---------- DATA IN THIS EXERCISE ----------

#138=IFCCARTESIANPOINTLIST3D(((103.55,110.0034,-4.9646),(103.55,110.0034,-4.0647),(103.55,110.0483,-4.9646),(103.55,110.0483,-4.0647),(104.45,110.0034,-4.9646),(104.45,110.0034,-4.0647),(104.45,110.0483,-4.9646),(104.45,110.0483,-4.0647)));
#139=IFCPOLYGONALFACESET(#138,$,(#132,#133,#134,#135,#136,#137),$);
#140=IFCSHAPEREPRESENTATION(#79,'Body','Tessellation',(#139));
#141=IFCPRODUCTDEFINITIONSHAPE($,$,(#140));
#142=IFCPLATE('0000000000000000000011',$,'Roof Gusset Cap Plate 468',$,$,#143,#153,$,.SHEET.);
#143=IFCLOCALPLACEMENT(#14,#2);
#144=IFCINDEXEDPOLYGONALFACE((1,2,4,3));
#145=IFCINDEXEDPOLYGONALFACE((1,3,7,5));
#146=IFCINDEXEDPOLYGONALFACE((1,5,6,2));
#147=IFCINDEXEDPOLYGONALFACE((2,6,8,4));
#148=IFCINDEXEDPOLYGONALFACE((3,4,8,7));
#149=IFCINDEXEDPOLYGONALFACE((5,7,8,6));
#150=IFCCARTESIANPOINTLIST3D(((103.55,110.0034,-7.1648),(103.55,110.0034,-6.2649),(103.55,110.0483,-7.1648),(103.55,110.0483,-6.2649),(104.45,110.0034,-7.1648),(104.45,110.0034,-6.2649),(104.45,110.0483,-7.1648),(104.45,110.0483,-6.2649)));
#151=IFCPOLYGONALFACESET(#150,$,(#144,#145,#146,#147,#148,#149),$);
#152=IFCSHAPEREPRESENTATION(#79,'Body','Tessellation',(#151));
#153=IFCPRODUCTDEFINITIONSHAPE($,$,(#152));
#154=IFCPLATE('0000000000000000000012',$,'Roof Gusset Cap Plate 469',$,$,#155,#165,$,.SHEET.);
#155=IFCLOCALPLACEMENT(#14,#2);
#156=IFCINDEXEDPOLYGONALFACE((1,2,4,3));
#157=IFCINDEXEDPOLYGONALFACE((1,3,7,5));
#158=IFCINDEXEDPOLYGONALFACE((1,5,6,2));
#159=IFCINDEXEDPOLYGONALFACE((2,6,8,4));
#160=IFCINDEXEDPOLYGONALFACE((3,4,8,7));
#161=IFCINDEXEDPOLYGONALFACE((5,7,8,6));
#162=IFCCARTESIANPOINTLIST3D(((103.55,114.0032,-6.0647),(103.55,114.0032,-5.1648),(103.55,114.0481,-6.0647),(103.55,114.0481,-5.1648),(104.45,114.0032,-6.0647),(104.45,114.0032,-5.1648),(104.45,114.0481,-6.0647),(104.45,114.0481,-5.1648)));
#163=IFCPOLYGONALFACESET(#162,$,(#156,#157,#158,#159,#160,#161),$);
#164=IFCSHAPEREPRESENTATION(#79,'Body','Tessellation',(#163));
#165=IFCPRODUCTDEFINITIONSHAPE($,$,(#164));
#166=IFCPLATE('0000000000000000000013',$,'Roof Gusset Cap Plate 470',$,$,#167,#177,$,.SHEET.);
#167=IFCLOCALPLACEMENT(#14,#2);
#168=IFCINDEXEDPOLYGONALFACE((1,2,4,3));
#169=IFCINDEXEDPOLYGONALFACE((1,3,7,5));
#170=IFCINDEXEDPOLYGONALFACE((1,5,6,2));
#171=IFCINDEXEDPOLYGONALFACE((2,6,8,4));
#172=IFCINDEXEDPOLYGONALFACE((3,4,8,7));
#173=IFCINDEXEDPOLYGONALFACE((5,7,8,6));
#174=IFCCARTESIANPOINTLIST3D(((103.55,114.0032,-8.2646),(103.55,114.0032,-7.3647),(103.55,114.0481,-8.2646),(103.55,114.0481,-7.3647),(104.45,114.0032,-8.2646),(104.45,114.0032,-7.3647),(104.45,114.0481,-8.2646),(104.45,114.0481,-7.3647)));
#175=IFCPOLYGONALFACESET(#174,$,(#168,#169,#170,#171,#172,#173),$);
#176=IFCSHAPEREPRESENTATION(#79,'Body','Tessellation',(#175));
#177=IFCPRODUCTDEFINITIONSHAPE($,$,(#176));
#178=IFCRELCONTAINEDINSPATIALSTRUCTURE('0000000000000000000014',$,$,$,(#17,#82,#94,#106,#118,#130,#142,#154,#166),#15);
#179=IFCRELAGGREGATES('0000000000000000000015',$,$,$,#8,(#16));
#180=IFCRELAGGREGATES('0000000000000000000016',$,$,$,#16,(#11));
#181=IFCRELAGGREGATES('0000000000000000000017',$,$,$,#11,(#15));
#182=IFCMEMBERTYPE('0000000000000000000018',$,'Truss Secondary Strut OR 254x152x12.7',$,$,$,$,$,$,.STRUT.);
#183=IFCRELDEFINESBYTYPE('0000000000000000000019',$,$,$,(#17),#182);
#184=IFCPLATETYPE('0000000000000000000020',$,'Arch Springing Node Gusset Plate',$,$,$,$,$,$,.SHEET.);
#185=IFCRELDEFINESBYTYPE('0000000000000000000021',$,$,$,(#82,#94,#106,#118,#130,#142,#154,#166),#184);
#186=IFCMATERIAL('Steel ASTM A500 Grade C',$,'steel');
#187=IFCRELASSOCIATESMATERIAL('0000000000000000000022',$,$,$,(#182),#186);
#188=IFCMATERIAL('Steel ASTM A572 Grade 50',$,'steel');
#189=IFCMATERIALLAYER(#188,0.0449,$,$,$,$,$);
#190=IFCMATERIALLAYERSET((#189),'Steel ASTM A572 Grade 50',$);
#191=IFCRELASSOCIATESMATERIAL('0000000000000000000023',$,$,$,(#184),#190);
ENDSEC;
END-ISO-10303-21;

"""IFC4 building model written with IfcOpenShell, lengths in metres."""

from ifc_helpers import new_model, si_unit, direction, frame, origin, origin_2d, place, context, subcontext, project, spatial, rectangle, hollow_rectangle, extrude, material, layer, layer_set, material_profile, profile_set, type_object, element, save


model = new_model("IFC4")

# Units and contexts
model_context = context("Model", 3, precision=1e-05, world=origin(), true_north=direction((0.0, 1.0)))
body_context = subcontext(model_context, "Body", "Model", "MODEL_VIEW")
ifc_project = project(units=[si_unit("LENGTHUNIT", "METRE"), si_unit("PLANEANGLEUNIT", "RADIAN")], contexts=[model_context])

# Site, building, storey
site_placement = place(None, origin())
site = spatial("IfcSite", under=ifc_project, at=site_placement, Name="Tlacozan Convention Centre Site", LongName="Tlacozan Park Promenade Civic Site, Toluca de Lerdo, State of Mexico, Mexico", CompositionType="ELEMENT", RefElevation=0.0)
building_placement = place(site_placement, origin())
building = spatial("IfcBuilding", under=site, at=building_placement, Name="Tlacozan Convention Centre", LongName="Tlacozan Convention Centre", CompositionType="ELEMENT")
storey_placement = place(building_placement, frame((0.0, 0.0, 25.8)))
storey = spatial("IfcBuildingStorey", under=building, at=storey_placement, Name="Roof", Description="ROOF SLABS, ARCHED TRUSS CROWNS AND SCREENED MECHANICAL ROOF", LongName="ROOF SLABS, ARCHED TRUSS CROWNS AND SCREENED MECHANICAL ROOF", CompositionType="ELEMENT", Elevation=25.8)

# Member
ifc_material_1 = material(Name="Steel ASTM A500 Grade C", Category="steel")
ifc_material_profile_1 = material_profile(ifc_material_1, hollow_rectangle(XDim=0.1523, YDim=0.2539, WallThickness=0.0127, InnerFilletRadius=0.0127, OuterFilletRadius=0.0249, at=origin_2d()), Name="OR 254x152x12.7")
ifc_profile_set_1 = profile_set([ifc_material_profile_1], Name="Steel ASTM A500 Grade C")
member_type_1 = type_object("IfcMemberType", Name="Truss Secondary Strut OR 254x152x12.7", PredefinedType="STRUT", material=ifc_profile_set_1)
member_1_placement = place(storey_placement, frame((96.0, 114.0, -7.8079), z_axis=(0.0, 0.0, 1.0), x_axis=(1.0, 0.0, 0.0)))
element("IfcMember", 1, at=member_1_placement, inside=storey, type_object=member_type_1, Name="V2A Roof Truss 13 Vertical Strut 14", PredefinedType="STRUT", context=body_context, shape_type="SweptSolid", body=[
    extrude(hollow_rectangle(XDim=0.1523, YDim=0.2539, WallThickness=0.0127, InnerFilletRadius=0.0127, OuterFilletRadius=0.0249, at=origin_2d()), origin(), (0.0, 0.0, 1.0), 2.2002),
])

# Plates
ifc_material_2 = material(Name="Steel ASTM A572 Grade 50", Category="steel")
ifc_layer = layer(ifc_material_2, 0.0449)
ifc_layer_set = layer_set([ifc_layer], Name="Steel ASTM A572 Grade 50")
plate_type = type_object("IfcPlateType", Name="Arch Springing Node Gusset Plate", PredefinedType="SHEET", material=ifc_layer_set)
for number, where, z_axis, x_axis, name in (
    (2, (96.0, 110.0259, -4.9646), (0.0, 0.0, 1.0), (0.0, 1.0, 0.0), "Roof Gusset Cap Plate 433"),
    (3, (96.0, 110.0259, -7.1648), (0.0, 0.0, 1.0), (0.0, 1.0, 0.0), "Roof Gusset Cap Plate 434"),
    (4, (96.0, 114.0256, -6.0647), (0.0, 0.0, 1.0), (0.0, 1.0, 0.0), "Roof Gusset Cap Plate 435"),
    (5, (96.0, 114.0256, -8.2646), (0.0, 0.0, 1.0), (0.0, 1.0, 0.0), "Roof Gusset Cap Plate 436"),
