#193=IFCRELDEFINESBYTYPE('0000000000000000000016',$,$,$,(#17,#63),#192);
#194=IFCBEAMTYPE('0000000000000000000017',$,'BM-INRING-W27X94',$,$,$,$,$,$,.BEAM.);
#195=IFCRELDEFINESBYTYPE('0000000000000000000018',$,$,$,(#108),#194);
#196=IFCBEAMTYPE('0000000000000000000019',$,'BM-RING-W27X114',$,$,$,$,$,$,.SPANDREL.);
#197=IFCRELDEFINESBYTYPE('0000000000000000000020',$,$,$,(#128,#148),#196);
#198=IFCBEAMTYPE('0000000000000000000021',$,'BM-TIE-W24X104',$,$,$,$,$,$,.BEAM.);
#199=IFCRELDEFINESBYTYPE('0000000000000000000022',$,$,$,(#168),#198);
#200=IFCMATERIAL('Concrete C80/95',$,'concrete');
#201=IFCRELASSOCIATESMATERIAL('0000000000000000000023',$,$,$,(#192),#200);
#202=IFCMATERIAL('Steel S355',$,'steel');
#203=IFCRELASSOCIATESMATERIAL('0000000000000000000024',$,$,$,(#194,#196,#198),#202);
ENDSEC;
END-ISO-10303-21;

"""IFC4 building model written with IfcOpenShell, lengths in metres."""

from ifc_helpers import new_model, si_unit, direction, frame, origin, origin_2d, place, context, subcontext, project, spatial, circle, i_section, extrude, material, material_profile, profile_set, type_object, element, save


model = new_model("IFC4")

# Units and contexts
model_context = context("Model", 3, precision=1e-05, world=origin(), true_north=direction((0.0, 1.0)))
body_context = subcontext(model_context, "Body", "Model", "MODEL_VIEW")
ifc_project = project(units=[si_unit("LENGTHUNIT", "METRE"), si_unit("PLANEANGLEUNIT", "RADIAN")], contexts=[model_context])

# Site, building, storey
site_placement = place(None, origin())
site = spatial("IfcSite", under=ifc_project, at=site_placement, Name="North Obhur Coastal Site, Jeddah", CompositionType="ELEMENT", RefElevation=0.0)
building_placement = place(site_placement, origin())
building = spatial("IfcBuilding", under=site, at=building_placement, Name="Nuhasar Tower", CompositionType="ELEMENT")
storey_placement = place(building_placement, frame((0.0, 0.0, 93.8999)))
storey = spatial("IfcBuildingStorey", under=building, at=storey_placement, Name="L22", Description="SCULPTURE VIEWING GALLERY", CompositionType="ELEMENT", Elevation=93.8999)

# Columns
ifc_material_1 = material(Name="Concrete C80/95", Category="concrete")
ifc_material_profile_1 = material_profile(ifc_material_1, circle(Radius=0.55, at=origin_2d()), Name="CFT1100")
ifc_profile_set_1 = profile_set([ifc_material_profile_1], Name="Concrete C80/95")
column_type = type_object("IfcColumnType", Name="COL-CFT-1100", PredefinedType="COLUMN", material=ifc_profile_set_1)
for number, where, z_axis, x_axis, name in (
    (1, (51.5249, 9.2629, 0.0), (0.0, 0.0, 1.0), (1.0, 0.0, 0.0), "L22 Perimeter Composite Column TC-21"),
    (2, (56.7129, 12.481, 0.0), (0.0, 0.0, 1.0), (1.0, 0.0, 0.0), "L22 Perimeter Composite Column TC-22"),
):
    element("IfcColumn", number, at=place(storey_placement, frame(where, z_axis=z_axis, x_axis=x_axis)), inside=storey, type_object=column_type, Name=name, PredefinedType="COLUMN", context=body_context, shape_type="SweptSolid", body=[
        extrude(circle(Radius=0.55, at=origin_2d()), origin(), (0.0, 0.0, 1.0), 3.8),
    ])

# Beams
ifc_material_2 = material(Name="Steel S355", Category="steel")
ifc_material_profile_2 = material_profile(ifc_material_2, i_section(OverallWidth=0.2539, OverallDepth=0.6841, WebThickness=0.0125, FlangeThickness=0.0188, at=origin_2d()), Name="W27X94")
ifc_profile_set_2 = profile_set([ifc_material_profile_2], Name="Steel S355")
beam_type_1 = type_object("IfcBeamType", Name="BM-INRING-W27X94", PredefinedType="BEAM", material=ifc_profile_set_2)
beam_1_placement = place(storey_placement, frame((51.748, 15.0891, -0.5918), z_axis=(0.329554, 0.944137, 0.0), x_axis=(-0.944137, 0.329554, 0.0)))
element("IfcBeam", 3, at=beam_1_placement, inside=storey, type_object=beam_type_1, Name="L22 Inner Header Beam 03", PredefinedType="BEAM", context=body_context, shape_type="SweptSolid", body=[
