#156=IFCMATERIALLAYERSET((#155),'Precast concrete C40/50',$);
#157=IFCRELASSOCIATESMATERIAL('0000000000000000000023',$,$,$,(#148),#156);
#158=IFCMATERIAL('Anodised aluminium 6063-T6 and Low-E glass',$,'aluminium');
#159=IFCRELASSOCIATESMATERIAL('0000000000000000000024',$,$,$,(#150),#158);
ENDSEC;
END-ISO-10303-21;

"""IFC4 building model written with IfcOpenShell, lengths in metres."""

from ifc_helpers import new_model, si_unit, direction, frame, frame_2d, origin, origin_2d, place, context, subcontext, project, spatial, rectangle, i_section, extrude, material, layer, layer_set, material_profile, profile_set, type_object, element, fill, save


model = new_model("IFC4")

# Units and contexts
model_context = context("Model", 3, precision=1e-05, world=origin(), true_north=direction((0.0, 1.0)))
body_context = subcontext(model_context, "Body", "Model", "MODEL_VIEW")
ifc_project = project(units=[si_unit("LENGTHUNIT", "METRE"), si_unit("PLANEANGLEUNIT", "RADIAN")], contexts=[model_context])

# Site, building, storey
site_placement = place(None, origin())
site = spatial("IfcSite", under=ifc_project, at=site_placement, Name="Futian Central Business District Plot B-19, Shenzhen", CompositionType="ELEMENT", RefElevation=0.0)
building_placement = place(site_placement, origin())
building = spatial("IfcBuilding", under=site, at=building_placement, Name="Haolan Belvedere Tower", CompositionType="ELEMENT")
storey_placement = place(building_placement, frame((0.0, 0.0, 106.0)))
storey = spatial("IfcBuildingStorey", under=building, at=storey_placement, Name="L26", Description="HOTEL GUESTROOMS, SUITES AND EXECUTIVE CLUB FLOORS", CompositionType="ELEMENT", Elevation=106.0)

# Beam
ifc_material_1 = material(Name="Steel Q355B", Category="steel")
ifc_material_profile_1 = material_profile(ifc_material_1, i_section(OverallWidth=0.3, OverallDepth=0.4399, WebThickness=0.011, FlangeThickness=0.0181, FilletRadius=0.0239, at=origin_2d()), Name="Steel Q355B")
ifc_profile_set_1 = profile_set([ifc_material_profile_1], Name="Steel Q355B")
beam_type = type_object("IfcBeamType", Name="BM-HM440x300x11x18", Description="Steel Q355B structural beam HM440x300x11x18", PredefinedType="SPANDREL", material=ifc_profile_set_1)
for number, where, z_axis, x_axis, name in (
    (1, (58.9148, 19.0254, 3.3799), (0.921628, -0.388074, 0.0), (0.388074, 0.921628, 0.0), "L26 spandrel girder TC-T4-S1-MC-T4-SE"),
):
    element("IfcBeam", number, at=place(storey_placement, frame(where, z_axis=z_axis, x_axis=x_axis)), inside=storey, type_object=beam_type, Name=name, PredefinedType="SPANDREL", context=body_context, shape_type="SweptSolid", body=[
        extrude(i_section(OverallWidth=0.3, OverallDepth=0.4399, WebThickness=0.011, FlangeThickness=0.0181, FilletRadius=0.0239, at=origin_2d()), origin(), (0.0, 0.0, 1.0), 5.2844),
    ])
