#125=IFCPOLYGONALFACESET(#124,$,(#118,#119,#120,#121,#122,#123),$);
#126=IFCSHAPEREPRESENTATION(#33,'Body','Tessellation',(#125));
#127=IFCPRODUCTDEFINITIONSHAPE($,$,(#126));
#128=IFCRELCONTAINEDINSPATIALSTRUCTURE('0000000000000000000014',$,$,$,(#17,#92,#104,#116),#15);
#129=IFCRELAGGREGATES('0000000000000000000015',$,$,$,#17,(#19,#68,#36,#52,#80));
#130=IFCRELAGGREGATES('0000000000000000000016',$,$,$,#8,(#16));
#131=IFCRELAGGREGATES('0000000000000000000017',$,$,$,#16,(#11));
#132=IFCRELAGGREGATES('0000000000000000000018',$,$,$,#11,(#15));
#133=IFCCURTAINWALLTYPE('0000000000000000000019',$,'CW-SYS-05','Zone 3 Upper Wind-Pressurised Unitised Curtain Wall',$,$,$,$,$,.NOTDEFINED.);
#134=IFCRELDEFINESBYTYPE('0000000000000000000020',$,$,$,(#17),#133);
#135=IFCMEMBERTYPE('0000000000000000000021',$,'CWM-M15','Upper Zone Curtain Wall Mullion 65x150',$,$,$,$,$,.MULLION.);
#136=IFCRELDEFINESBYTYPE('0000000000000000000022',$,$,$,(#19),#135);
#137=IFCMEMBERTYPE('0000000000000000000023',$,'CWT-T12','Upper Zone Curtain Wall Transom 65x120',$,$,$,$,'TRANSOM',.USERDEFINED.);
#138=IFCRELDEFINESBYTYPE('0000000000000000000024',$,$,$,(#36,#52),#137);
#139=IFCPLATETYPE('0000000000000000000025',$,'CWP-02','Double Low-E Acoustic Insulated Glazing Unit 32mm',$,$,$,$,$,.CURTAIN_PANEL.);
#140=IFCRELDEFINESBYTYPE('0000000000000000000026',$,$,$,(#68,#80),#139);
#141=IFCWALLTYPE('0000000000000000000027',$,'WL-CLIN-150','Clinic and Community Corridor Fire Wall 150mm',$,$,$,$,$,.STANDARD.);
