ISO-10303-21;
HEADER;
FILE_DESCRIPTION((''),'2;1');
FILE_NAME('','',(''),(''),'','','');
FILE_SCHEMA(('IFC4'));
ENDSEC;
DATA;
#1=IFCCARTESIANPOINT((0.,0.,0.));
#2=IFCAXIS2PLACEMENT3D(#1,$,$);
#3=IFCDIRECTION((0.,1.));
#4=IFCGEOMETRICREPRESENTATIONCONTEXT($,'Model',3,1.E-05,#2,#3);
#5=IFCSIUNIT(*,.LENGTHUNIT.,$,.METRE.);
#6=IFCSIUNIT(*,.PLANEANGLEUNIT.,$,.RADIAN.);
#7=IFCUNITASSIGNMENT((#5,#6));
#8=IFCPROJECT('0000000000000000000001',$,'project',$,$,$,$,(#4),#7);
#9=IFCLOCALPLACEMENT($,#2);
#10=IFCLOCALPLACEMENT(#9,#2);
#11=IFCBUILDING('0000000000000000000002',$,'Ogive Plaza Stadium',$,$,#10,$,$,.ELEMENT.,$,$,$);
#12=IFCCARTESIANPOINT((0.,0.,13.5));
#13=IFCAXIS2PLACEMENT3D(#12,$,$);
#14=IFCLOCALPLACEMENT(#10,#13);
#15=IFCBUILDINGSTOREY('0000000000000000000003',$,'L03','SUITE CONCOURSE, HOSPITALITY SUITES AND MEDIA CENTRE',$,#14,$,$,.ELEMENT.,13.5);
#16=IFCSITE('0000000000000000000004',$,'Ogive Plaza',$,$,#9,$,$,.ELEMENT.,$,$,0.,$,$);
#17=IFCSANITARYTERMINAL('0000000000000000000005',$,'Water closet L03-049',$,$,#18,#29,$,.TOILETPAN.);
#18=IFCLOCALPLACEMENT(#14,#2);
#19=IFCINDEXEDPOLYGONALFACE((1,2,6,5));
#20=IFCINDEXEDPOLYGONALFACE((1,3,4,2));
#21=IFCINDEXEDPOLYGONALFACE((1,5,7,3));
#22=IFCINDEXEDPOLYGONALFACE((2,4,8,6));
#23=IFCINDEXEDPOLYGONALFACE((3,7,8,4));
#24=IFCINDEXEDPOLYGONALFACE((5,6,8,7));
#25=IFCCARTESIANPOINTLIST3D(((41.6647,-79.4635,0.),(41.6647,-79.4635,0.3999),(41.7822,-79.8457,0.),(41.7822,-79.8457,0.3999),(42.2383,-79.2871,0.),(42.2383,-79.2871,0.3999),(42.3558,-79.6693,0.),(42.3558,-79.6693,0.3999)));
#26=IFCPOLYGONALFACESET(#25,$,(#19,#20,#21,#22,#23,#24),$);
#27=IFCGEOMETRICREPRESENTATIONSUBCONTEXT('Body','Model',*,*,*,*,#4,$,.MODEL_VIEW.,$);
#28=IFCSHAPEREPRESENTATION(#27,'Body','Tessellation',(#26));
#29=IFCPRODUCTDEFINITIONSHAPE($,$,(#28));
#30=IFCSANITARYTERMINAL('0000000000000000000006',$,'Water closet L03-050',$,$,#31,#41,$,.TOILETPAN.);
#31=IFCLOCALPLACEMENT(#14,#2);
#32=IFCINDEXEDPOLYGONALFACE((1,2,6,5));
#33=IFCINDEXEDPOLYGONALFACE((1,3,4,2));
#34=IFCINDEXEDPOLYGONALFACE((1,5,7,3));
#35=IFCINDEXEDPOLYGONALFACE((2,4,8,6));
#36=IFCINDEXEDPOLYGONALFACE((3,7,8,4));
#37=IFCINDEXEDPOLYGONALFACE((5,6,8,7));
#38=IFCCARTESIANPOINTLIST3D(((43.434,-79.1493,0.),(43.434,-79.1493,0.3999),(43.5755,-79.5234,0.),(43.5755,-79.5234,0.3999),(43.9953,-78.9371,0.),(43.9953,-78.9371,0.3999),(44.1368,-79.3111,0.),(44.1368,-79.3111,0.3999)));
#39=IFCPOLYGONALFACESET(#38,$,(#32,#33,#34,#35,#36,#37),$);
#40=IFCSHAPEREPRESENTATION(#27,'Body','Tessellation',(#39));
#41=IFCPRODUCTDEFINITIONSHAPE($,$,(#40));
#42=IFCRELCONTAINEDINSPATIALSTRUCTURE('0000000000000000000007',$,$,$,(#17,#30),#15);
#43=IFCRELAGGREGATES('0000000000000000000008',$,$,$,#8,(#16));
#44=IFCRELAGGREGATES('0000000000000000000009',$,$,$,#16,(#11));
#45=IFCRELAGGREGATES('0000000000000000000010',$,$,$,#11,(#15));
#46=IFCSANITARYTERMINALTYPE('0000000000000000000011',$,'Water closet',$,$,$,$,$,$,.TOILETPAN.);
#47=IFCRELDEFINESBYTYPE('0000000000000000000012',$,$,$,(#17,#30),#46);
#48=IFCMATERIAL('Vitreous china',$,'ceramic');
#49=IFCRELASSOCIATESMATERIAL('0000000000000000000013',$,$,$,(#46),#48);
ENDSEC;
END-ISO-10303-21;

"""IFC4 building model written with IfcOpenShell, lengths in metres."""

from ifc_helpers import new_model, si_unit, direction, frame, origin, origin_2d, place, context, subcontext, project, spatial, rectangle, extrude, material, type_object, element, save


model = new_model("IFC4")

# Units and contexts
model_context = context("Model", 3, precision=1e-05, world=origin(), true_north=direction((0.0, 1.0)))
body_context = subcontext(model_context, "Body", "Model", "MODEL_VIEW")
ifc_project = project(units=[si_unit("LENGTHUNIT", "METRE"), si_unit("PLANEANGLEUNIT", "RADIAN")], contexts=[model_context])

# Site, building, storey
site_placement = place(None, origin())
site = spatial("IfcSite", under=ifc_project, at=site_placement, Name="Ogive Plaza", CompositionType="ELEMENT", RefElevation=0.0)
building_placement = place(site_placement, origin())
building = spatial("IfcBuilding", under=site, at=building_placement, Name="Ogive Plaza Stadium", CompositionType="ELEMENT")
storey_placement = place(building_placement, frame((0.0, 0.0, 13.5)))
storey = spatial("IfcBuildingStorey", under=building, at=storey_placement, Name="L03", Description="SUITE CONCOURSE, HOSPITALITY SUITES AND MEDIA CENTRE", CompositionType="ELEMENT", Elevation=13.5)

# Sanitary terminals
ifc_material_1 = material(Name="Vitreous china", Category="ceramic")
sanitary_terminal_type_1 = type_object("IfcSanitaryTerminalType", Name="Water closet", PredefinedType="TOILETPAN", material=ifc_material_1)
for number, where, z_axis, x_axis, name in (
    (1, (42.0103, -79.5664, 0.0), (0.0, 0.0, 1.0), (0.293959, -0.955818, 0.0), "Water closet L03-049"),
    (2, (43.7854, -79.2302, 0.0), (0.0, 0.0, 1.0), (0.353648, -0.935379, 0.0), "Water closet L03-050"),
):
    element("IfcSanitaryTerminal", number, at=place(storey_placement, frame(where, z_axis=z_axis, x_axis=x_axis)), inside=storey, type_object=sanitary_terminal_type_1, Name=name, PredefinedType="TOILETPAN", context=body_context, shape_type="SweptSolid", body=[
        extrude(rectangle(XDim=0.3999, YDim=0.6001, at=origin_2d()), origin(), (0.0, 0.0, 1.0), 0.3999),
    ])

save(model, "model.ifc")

----------

• **WHAT THE TASK ASKS**:
The reply should consist solely of the lines of the data, exact, from the opening line through the line with "#149=IFCINDEXEDPOLYGONALFACE((5,7,8,6));", inclusive.

• **EXPECTED ANSWER**:
#138=IFCCARTESIANPOINTLIST3D(((103.55,110.0034,-4.9646),(103.55,110.0034,-4.0647),(103.55,110.0483,-4.9646),(103.55,110.0483,-4.0647),(104.45,110.0034,-4.9646),(104.45,110.0034,-4.0647),(104.45,110.0483,-4.9646),(104.45,110.0483,-4.0647)));
#139=IFCPOLYGONALFACESET(#138,$,(#132,#133,#134,#135,#136,#137),$);
#140=IFCSHAPEREPRESENTATION(#79,'Body','Tessellation',(#139));
#141=IFCPRODUCTDEFINITIONSHAPE($,$,(#140));
#142=IFCPLATE('0000000000000000000011',$,'Roof Gusset Cap Plate 468',$,$,#143,#153,$,.SHEET.);
#143=IFCLOCALPLACEMENT(#14,#2);
#144=IFCINDEXEDPOLYGONALFACE((1,2,4,3));
#145=IFCINDEXEDPOLYGONALFACE((1,3,7,5));
#146=IFCINDEXEDPOLYGONALFACE((1,5,6,2));
#147=IFCINDEXEDPOLYGONALFACE((2,6,8,4));
#148=IFCINDEXEDPOLYGONALFACE((3,4,8,7));
#149=IFCINDEXEDPOLYGONALFACE((5,7,8,6));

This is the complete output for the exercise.